• _DIRECTIONS_: From the data below, copy exactly the lines that lie between the one holding "#42=IFCINDEXEDPOLYGONALFACE((1,2,6,5));" and the one holding "Bracket BRK01 L05-00-7',$,$,#76,#86,$,.BRACKET.);", including both, and nothing more.

• _RECORD EXCERPTS_:
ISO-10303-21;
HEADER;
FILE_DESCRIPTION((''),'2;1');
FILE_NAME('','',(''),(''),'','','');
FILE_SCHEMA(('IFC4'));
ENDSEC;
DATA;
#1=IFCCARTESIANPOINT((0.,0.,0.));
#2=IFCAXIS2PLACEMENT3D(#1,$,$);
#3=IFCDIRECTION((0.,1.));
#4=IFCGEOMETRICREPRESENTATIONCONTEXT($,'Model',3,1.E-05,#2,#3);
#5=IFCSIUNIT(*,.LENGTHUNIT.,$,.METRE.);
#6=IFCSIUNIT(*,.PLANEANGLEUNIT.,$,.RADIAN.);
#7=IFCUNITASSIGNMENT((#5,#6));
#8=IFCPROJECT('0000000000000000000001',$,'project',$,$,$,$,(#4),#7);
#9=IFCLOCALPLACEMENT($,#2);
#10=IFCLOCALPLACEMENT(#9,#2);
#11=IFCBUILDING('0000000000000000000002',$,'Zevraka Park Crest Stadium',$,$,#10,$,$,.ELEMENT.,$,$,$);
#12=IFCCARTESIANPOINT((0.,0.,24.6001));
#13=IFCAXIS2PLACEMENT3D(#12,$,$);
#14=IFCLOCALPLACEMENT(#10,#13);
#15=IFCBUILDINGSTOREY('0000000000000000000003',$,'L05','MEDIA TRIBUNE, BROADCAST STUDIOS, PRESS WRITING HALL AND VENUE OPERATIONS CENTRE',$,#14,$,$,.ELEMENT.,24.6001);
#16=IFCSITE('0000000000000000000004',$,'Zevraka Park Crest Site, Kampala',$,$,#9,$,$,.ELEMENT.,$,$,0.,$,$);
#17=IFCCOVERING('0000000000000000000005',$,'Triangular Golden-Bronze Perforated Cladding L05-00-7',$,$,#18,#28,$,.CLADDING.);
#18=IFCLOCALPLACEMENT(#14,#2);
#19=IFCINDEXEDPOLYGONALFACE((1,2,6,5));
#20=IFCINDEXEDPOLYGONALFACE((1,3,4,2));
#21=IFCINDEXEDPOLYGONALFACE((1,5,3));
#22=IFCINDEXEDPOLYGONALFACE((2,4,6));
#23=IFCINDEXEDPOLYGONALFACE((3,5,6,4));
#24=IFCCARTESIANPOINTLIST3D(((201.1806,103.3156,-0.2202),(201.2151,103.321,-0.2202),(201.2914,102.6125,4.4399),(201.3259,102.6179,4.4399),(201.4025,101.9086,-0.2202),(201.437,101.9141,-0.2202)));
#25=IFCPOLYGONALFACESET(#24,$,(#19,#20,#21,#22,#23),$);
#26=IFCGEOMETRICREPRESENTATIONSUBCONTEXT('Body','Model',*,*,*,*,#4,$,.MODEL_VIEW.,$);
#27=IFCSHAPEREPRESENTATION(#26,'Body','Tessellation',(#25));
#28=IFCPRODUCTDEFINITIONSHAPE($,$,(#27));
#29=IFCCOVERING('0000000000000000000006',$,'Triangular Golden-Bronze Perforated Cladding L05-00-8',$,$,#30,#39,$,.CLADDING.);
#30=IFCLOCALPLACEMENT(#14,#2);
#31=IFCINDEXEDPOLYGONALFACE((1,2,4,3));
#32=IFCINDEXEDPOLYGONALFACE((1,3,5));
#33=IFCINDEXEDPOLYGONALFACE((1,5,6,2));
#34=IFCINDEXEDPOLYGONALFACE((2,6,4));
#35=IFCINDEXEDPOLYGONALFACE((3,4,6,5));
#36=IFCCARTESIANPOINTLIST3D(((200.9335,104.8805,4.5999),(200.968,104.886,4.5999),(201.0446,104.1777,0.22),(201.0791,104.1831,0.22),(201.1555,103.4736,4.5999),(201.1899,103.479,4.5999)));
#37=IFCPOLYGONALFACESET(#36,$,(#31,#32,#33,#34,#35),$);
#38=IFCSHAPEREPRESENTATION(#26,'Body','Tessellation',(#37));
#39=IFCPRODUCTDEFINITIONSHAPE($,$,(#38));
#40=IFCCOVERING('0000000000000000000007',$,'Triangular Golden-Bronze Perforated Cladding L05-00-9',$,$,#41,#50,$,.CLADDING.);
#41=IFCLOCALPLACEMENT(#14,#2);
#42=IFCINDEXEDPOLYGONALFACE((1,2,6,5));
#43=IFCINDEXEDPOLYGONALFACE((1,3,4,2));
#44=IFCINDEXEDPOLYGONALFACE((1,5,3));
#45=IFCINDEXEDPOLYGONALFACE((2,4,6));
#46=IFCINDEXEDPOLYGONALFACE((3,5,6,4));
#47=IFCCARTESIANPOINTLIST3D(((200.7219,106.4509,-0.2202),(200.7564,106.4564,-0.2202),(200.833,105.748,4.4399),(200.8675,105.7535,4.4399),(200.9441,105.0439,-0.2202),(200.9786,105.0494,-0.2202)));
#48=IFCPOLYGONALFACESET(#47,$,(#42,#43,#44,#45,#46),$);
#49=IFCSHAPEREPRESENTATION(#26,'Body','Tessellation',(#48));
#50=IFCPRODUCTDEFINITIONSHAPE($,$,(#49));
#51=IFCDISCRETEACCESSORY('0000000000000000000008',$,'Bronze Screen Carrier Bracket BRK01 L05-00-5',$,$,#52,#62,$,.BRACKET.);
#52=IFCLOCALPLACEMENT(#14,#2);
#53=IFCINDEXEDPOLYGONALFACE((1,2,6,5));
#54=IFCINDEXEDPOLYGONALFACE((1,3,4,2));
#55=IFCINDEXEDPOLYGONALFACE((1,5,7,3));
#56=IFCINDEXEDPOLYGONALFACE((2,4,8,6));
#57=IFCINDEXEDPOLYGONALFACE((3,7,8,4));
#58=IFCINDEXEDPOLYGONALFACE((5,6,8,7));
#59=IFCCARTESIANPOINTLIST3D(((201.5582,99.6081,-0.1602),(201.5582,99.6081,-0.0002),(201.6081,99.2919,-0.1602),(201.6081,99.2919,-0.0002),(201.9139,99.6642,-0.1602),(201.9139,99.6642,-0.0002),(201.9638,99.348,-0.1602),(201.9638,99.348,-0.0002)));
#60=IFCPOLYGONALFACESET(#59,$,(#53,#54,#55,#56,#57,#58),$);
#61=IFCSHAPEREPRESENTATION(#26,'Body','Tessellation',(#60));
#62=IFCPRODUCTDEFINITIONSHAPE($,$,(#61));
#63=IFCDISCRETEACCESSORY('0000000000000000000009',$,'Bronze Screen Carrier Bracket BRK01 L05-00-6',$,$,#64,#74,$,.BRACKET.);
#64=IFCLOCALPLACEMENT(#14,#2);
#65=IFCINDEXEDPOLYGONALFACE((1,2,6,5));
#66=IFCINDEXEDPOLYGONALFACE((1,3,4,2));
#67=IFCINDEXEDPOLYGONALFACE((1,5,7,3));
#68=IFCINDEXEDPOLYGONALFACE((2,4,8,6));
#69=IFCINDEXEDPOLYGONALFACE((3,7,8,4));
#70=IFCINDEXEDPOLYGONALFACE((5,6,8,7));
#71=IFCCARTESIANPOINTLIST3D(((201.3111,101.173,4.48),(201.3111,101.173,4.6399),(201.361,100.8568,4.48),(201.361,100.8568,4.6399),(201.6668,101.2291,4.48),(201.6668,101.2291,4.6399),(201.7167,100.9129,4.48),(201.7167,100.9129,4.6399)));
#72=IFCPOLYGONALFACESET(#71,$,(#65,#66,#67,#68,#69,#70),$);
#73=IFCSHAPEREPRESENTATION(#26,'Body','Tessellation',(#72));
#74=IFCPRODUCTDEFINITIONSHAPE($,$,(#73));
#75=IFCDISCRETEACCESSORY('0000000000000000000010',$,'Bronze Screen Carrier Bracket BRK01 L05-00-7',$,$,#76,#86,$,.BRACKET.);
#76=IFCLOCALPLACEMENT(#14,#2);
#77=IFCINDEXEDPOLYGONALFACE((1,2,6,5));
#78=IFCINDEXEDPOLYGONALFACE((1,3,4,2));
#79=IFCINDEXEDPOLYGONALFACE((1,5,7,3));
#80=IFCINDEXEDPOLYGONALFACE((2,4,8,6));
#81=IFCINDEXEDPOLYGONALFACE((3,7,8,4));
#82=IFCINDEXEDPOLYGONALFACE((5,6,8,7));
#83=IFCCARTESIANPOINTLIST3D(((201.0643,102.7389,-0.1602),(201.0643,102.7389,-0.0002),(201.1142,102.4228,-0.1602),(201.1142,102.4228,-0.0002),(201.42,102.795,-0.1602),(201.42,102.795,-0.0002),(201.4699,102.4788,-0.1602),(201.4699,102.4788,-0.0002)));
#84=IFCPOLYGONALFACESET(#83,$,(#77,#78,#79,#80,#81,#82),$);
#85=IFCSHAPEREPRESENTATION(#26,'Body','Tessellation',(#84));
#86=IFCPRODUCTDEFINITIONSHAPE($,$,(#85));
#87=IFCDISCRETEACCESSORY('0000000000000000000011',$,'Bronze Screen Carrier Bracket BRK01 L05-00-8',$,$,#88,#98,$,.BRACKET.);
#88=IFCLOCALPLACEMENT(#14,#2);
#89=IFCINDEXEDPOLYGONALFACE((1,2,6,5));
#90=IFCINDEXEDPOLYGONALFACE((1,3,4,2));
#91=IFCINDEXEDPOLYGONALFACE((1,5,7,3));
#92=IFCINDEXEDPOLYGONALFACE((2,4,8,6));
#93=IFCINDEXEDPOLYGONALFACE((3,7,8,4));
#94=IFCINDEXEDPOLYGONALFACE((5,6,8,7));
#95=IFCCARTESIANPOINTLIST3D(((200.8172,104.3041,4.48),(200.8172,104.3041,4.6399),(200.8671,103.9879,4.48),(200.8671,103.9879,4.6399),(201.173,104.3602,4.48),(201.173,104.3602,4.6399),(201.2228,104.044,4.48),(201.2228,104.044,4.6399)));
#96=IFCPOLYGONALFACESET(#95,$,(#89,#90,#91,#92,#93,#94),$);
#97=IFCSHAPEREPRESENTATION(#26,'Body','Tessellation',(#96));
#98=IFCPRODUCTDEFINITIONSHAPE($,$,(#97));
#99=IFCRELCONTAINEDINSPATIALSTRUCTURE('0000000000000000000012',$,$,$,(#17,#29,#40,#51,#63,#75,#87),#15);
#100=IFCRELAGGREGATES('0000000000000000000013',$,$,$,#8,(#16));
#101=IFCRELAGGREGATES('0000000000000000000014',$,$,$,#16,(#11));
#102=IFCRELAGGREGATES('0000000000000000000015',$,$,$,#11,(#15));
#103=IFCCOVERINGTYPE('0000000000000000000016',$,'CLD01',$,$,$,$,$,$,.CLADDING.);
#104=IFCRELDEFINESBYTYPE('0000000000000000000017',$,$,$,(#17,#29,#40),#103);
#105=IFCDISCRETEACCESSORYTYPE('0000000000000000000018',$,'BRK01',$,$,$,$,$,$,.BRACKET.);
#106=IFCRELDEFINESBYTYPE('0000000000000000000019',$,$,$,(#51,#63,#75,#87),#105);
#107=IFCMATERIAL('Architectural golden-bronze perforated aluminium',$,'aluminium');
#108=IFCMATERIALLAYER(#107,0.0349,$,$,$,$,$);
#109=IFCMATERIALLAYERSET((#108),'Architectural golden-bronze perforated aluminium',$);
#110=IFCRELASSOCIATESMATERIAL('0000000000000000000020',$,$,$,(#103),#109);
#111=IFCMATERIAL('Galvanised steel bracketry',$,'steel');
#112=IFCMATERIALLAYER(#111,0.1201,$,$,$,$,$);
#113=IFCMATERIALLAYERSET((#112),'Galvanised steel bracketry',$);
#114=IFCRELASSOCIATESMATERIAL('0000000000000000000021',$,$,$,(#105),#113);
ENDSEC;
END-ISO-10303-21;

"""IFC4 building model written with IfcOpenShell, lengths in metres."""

from ifc_helpers import new_model, si_unit, direction, frame, origin, origin_2d, place, context, subcontext, project, spatial, polyline, rectangle, outline, extrude, material, layer, layer_set, type_object, element, save


model = new_model("IFC4")

# Units and contexts
model_context = context("Model", 3, precision=1e-05, world=origin(), true_north=direction((0.0, 1.0)))
body_context = subcontext(model_context, "Body", "Model", "MODEL_VIEW")
ifc_project = project(units=[si_unit("LENGTHUNIT", "METRE"), si_unit("PLANEANGLEUNIT", "RADIAN")], contexts=[model_context])

# Site, building, storey
site_placement = place(None, origin())
site = spatial("IfcSite", under=ifc_project, at=site_placement, Name="Zevraka Park Crest Site, Kampala", CompositionType="ELEMENT", RefElevation=0.0)
building_placement = place(site_placement, origin())
building = spatial("IfcBuilding", under=site, at=building_placement, Name="Zevraka Park Crest Stadium", CompositionType="ELEMENT")
storey_placement = place(building_placement, frame((0.0, 0.0, 24.6001)))
storey = spatial("IfcBuildingStorey", under=building, at=storey_placement, Name="L05", Description="MEDIA TRIBUNE, BROADCAST STUDIOS, PRESS WRITING HALL AND VENUE OPERATIONS CENTRE", CompositionType="ELEMENT", Elevation=24.6001)

# Coverings
ifc_material_1 = material(Name="Architectural golden-bronze perforated aluminium", Category="aluminium")
ifc_layer_1 = layer(ifc_material_1, 0.0349)
ifc_layer_set_1 = layer_set([ifc_layer_1], Name="Architectural golden-bronze perforated aluminium")
covering_type = type_object("IfcCoveringType", Name="CLD01", PredefinedType="CLADDING", material=ifc_layer_set_1)
covering_1_placement = place(storey_placement, frame((201.437, 101.9141, -0.2202), z_axis=(0.987788, 0.155804, 0.000014), x_axis=(-0.155804, 0.987788, 0.0)))
element("IfcCovering", 1, at=covering_1_placement, inside=storey, type_object=covering_type, Name="Triangular Golden-Bronze Perforated Cladding L05-00-7", PredefinedType="CLADDING", context=body_context, shape_type="SweptSolid", body=[
    extrude(outline(polyline([(0.0, 0.0), (1.4244, 0.0), (0.7126, 4.6602), (0.0, 0.0)])), origin(), (0.0, 0.0, -1.0), 0.0349),
])
covering_2_placement = place(storey_placement, frame((200.968, 104.886, 4.5999), z_axis=(0.987788, 0.155804, 0.000049), x_axis=(0.155804, -0.987788, 0.0)))
element("IfcCovering", 2, at=covering_2_placement, inside=storey, type_object=covering_type, Name="Triangular Golden-Bronze Perforated Cladding L05-00-8", PredefinedType="CLADDING", context=body_context, shape_type="SweptSolid", body=[
    extrude(outline(polyline([(0.0, 0.0), (1.4244, 0.0), (0.7116, 4.3799), (0.0, 0.0)])), origin(), (0.0, 0.0, -1.0), 0.0349),
])
covering_3_placement = place(storey_placement, frame((200.9441, 105.0439, -0.2202), z_axis=(-0.987762, -0.155971, 0.00002), x_axis=(-0.155971, 0.987762, 0.0)))
element("IfcCovering", 3, at=covering_3_placement, inside=storey, type_object=covering_type, Name="Triangular Golden-Bronze Perforated Cladding L05-00-9", PredefinedType="CLADDING", context=body_context, shape_type="SweptSolid", body=[
    extrude(outline(polyline([(0.0, 0.0), (1.4244, 0.0), (0.7128, -4.6602), (0.0, 0.0)])), origin(), (0.0, 0.0, -1.0), 0.0349),
])

# Discrete accessories
ifc_material_2 = material(Name="Galvanised steel bracketry", Category="steel")
ifc_layer_2 = layer(ifc_material_2, 0.1201)
ifc_layer_set_2 = layer_set([ifc_layer_2], Name="Galvanised steel bracketry")
discrete_accessory_type = type_object("IfcDiscreteAccessoryType", Name="BRK01", PredefinedType="BRACKET", material=ifc_layer_set_2)
for number, where, z_axis, x_axis, name in (
    (4, (201.761, 99.478, -0.1602), (0.0, 0.0, 1.0), (-0.155745, 0.987797, 0.0), "Bronze Screen Carrier Bracket BRK01 L05-00-5"),
    (5, (201.5139, 101.043, 4.48), (0.0, 0.0, 1.0), (-0.155745, 0.987797, 0.0), "Bronze Screen Carrier Bracket BRK01 L05-00-6"),
    (6, (201.2671, 102.6089, -0.1602), (0.0, 0.0, 1.0), (-0.155745, 0.987797, 0.0), "Bronze Screen Carrier Bracket BRK01 L05-00-7"),
    (7, (201.02, 104.1741, 4.48), (0.0, 0.0, 1.0), (-0.155745, 0.987797, 0.0), "Bronze Screen Carrier Bracket BRK01 L05-00-8"),
):
    element("IfcDiscreteAccessory", number, at=place(storey_placement, frame(where, z_axis=z_axis, x_axis=x_axis)), inside=storey, type_object=discrete_accessory_type, Name=name, PredefinedType="BRACKET", context=body_context, shape_type="SweptSolid", body=[
        extrude(rectangle(XDim=0.3201, YDim=0.3601, at=origin_2d()), origin(), (0.0, 0.0, 1.0), 0.1599),
    ])

save(model, "model.ifc")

• _REPLY TO THE TASK_:
#42=IFCINDEXEDPOLYGONALFACE((1,2,6,5));
#43=IFCINDEXEDPOLYGONALFACE((1,3,4,2));
#44=IFCINDEXEDPOLYGONALFACE((1,5,3));
#45=IFCINDEXEDPOLYGONALFACE((2,4,6));
#46=IFCINDEXEDPOLYGONALFACE((3,5,6,4));
#47=IFCCARTESIANPOINTLIST3D(((200.7219,106.4509,-0.2202),(200.7564,106.4564,-0.2202),(200.833,105.748,4.4399),(200.8675,105.7535,4.4399),(200.9441,105.0439,-0.2202),(200.9786,105.0494,-0.2202)));
#48=IFCPOLYGONALFACESET(#47,$,(#42,#43,#44,#45,#46),$);
#49=IFCSHAPEREPRESENTATION(#26,'Body','Tessellation',(#48));
#50=IFCPRODUCTDEFINITIONSHAPE($,$,(#49));
#51=IFCDISCRETEACCESSORY('0000000000000000000008',$,'Bronze Screen Carrier Bracket BRK01 L05-00-5',$,$,#52,#62,$,.BRACKET.);
#52=IFCLOCALPLACEMENT(#14,#2);
#53=IFCINDEXEDPOLYGONALFACE((1,2,6,5));
#54=IFCINDEXEDPOLYGONALFACE((1,3,4,2));
#55=IFCINDEXEDPOLYGONALFACE((1,5,7,3));
#56=IFCINDEXEDPOLYGONALFACE((2,4,8,6));
#57=IFCINDEXEDPOLYGONALFACE((3,7,8,4));
#58=IFCINDEXEDPOLYGONALFACE((5,6,8,7));
#59=IFCCARTESIANPOINTLIST3D(((201.5582,99.6081,-0.1602),(201.5582,99.6081,-0.0002),(201.6081,99.2919,-0.1602),(201.6081,99.2919,-0.0002),(201.9139,99.6642,-0.1602),(201.9139,99.6642,-0.0002),(201.9638,99.348,-0.1602),(201.9638,99.348,-0.0002)));
#60=IFCPOLYGONALFACESET(#59,$,(#53,#54,#55,#56,#57,#58),$);
#61=IFCSHAPEREPRESENTATION(#26,'Body','Tessellation',(#60));
#62=IFCPRODUCTDEFINITIONSHAPE($,$,(#61));
#63=IFCDISCRETEACCESSORY('0000000000000000000009',$,'Bronze Screen Carrier Bracket BRK01 L05-00-6',$,$,#64,#74,$,.BRACKET.);
#64=IFCLOCALPLACEMENT(#14,#2);
#65=IFCINDEXEDPOLYGONALFACE((1,2,6,5));
#66=IFCINDEXEDPOLYGONALFACE((1,3,4,2));
#67=IFCINDEXEDPOLYGONALFACE((1,5,7,3));
#68=IFCINDEXEDPOLYGONALFACE((2,4,8,6));
#69=IFCINDEXEDPOLYGONALFACE((3,7,8,4));
#70=IFCINDEXEDPOLYGONALFACE((5,6,8,7));
#71=IFCCARTESIANPOINTLIST3D(((201.3111,101.173,4.48),(201.3111,101.173,4.6399),(201.361,100.8568,4.48),(201.361,100.8568,4.6399),(201.6668,101.2291,4.48),(201.6668,101.2291,4.6399),(201.7167,100.9129,4.48),(201.7167,100.9129,4.6399)));
#72=IFCPOLYGONALFACESET(#71,$,(#65,#66,#67,#68,#69,#70),$);
#73=IFCSHAPEREPRESENTATION(#26,'Body','Tessellation',(#72));
#74=IFCPRODUCTDEFINITIONSHAPE($,$,(#73));
#75=IFCDISCRETEACCESSORY('0000000000000000000010',$,'Bronze Screen Carrier Bracket BRK01 L05-00-7',$,$,#76,#86,$,.BRACKET.);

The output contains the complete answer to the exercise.